(Stored items from a collection)
-------
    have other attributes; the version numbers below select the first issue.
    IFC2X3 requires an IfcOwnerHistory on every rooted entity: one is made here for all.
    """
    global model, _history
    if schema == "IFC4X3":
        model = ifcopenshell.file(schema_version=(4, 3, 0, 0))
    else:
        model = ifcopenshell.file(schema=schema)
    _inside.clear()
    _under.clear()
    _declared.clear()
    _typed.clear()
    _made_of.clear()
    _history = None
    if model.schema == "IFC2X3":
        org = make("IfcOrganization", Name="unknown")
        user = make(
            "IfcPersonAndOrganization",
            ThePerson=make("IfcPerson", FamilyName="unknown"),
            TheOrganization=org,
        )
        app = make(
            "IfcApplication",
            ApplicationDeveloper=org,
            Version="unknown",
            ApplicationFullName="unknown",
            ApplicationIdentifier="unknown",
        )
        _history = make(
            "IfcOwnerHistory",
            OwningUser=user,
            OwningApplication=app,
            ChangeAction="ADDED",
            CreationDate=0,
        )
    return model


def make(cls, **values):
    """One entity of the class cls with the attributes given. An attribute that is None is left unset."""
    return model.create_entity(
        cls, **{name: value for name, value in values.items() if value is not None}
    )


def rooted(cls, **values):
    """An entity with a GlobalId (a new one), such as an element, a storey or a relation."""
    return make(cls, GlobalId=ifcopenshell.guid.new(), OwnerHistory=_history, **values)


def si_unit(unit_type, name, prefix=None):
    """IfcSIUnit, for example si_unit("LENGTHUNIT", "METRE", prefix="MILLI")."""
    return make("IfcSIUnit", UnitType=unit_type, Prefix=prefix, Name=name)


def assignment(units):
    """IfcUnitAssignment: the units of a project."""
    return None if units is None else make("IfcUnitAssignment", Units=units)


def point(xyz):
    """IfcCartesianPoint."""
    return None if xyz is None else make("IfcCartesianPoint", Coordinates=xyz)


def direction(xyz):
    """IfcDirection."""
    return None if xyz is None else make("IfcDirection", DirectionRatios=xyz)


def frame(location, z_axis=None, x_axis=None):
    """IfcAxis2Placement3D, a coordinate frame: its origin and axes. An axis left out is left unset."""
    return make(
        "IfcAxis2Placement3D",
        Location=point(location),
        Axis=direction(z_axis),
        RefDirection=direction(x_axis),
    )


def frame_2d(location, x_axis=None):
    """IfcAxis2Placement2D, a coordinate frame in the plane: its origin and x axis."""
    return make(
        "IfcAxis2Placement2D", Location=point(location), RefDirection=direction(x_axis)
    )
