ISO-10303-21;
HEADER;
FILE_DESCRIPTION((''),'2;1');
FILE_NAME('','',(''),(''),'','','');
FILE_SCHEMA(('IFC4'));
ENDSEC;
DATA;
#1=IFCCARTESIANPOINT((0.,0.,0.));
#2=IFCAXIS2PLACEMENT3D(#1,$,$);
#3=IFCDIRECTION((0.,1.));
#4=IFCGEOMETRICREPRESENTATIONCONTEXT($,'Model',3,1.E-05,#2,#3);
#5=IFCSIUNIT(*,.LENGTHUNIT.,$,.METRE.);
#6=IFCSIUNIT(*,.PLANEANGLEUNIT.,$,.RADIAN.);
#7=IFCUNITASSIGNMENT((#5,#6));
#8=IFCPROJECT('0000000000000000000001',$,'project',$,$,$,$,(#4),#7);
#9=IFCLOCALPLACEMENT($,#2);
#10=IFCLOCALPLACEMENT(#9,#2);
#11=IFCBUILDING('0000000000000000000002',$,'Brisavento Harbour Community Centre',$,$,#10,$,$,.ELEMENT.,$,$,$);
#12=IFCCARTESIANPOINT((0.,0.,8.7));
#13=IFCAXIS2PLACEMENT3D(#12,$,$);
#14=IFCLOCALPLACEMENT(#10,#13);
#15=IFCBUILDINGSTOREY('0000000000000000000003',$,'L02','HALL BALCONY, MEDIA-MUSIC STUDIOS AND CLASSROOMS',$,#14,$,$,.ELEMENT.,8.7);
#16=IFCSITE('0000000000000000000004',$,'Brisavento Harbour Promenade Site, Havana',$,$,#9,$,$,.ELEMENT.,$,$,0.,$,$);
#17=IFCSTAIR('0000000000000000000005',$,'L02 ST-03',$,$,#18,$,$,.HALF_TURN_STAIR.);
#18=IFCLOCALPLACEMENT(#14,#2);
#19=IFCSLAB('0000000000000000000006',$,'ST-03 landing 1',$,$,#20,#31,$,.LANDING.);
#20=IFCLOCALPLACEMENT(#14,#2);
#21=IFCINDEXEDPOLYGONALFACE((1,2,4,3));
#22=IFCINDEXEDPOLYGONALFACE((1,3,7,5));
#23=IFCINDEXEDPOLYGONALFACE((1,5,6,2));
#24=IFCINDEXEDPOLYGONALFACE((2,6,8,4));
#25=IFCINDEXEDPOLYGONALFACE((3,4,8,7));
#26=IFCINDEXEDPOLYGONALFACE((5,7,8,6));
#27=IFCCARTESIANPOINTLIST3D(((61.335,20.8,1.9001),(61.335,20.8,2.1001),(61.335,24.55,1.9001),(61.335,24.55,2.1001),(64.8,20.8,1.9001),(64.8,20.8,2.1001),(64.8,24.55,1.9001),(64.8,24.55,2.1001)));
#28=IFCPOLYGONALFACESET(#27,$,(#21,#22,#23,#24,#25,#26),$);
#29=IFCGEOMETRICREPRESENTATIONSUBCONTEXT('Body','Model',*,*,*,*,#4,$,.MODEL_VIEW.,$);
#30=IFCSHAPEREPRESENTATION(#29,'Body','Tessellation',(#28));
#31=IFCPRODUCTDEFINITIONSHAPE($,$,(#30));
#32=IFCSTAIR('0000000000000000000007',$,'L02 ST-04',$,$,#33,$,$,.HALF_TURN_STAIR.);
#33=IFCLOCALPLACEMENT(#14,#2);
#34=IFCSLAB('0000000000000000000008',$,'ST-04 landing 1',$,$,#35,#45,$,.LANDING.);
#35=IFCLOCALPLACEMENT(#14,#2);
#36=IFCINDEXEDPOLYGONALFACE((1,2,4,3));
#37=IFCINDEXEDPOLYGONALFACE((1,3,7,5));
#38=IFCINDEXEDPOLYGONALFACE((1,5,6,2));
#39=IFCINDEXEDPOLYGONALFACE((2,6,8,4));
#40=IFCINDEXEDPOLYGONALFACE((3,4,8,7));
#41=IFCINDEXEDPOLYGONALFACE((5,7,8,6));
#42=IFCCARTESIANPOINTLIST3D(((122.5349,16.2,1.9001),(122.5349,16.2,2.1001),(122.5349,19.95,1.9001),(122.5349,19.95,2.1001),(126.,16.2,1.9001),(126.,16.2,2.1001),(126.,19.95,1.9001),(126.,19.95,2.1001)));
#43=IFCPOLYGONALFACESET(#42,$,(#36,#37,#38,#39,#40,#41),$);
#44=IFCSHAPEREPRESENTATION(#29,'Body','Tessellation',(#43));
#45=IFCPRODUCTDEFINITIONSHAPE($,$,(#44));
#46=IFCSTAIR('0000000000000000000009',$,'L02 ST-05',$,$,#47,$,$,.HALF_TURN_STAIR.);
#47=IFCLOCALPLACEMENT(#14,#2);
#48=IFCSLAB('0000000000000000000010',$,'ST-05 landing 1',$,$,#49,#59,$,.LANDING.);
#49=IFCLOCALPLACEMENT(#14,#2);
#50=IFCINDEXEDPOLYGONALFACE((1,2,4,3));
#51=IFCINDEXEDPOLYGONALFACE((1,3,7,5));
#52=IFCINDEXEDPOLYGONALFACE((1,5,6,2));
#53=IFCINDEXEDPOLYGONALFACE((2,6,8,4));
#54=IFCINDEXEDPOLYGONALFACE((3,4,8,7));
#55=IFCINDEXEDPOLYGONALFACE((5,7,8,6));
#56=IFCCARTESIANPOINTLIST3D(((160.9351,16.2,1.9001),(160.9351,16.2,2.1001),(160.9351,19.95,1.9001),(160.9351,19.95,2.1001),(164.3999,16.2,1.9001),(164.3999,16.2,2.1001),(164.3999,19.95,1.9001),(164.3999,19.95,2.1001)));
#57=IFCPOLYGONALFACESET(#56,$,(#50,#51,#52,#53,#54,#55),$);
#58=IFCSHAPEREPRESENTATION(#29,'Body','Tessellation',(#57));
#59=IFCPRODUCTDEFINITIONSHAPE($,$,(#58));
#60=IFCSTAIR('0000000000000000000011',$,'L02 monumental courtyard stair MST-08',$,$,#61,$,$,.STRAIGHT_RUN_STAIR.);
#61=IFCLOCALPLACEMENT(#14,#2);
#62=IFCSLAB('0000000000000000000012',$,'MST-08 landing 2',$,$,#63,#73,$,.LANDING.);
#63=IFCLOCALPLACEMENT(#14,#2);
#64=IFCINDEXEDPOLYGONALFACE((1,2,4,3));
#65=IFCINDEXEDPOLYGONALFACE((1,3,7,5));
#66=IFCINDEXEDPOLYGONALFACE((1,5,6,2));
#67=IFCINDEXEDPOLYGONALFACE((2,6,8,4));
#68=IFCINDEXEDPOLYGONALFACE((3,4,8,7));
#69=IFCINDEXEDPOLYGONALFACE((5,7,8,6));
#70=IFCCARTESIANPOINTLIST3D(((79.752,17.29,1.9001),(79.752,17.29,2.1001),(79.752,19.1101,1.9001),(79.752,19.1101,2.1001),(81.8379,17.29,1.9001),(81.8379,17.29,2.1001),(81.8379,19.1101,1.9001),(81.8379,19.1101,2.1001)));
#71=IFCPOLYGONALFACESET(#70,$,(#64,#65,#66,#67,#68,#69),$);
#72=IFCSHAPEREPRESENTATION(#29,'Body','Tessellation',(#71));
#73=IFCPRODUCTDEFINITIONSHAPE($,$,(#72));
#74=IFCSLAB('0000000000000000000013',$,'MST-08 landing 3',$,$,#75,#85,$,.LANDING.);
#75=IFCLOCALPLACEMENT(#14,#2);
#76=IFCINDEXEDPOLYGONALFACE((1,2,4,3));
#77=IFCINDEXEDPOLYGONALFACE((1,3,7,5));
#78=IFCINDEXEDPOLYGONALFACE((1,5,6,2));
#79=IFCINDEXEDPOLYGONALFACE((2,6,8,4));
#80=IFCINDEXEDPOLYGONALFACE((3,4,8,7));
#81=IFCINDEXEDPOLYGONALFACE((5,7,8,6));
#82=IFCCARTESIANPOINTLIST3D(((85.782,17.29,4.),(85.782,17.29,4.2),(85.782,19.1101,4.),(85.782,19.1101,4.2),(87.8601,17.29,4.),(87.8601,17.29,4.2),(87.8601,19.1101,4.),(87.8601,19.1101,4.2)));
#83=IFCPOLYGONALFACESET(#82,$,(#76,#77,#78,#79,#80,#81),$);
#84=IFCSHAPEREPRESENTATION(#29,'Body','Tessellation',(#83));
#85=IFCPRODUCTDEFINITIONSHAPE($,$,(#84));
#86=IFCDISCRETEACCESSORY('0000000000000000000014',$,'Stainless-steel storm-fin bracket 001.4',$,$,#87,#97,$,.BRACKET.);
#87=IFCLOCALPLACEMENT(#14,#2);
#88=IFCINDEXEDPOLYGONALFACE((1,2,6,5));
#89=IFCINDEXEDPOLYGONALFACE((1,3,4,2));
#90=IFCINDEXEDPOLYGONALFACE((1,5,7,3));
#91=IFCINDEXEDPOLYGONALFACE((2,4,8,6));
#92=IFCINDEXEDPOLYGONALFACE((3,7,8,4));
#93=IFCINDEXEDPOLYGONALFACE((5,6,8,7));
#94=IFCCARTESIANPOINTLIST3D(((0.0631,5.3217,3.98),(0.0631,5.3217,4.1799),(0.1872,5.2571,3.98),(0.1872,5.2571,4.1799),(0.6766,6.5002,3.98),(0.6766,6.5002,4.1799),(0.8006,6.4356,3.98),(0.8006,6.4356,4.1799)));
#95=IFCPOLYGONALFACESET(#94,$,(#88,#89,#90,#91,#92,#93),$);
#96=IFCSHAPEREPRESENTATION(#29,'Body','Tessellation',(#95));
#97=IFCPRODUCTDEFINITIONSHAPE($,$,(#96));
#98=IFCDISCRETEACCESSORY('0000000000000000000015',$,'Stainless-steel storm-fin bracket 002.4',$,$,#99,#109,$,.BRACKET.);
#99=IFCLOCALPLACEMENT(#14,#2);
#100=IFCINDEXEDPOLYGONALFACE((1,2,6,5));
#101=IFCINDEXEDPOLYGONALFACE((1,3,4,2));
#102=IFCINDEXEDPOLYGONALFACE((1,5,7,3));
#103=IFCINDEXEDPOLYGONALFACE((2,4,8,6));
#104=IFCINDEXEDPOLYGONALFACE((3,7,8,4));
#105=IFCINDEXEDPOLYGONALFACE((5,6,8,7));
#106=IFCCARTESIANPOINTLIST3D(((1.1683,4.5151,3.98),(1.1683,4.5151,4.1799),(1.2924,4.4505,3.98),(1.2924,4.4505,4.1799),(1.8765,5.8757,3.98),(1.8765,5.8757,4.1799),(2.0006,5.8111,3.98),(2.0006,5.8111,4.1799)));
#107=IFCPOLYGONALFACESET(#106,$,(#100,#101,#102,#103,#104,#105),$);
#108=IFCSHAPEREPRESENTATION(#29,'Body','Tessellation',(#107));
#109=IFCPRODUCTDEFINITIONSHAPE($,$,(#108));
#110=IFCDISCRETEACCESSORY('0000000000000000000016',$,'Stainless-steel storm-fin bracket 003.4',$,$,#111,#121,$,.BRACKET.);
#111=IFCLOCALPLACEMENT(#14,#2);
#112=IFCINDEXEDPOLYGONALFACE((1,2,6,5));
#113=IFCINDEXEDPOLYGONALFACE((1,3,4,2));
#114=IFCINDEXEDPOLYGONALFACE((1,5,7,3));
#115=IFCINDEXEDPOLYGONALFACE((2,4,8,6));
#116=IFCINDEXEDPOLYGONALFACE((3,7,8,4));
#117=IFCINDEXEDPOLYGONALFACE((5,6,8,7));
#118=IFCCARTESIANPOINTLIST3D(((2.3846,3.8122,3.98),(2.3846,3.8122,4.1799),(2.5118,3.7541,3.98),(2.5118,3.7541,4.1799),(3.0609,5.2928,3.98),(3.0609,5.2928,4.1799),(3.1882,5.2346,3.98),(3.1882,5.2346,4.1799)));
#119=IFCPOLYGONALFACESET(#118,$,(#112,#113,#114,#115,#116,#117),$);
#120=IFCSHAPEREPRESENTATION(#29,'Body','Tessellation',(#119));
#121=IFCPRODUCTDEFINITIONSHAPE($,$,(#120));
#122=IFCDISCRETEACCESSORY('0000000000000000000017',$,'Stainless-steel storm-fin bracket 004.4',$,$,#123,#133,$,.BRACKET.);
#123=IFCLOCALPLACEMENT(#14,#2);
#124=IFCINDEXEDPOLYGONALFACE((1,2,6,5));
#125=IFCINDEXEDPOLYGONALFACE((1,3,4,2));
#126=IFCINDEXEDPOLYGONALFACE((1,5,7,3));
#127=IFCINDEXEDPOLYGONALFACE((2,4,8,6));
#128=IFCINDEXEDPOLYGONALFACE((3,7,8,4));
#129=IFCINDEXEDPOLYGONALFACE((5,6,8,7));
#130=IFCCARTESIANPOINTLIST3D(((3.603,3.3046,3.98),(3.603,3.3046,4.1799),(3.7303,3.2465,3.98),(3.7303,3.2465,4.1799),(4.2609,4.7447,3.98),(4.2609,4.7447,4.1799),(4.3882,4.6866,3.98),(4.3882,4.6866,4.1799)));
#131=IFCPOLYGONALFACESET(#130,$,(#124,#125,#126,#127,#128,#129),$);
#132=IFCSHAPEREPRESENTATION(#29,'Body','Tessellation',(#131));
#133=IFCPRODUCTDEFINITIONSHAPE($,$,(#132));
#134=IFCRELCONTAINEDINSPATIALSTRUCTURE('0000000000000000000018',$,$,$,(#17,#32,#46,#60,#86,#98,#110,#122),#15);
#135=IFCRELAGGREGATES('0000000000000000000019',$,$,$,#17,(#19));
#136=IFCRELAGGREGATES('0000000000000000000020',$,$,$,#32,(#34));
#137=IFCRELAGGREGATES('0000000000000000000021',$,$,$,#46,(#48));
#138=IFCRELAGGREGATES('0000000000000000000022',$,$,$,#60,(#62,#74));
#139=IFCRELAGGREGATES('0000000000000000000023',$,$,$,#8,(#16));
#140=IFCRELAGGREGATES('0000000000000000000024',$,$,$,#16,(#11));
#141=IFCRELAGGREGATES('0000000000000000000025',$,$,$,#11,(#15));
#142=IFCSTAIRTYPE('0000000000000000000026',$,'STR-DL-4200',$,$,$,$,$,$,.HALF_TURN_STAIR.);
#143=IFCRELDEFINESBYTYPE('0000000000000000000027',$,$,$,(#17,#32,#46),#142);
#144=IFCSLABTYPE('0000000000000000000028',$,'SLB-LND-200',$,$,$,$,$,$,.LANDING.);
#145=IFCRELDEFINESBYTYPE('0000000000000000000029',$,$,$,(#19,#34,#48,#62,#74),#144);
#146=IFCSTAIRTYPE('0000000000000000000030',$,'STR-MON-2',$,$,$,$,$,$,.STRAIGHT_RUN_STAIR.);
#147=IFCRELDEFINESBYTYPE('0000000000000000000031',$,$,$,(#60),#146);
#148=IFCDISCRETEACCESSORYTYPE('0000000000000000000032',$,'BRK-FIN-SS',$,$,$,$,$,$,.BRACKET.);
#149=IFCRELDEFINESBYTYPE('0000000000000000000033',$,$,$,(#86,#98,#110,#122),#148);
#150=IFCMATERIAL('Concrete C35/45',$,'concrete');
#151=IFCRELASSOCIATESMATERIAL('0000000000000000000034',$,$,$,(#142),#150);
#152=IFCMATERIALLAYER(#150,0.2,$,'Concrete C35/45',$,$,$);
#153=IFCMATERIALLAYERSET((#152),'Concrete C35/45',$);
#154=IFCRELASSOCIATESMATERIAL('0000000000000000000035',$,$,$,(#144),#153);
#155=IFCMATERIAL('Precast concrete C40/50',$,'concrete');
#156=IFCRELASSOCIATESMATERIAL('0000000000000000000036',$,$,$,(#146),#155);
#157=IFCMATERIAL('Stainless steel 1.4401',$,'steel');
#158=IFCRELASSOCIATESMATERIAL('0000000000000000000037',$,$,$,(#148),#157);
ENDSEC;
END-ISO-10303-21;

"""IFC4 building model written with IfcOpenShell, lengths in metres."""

from ifc_helpers import new_model, si_unit, direction, frame, origin, origin_2d, place, context, subcontext, project, spatial, polyline, rectangle, outline, extrude, material, layer, layer_set, type_object, element, aggregate, save


model = new_model("IFC4")

# Units and contexts
model_context = context("Model", 3, precision=1e-05, world=origin(), true_north=direction((0.0, 1.0)))
body_context = subcontext(model_context, "Body", "Model", "MODEL_VIEW")
ifc_project = project(units=[si_unit("LENGTHUNIT", "METRE"), si_unit("PLANEANGLEUNIT", "RADIAN")], contexts=[model_context])

# Site, building, storey
site_placement = place(None, origin())
site = spatial("IfcSite", under=ifc_project, at=site_placement, Name="Brisavento Harbour Promenade Site, Havana", CompositionType="ELEMENT", RefElevation=0.0)
building_placement = place(site_placement, origin())
building = spatial("IfcBuilding", under=site, at=building_placement, Name="Brisavento Harbour Community Centre", CompositionType="ELEMENT")
storey_placement = place(building_placement, frame((0.0, 0.0, 8.7)))
storey = spatial("IfcBuildingStorey", under=building, at=storey_placement, Name="L02", Description="HALL BALCONY, MEDIA-MUSIC STUDIOS AND CLASSROOMS", CompositionType="ELEMENT", Elevation=8.7)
-------
> [EXERCISE AIM]
Only one stretch of the entries above is wanted: the lines from the one containing "#28=IFCPOLYGONALFACESET(#27,$,(#21,#22,#23,#24,#25,#26),$);" through the one containing "#33=IFCLOCALPLACEMENT(#14,#2);". Please reproduce it exactly.

> [FINISHED EXERCISE]
#28=IFCPOLYGONALFACESET(#27,$,(#21,#22,#23,#24,#25,#26),$);
#29=IFCGEOMETRICREPRESENTATIONSUBCONTEXT('Body','Model',*,*,*,*,#4,$,.MODEL_VIEW.,$);
#30=IFCSHAPEREPRESENTATION(#29,'Body','Tessellation',(#28));
#31=IFCPRODUCTDEFINITIONSHAPE($,$,(#30));
#32=IFCSTAIR('0000000000000000000007',$,'L02 ST-04',$,$,#33,$,$,.HALF_TURN_STAIR.);
#33=IFCLOCALPLACEMENT(#14,#2);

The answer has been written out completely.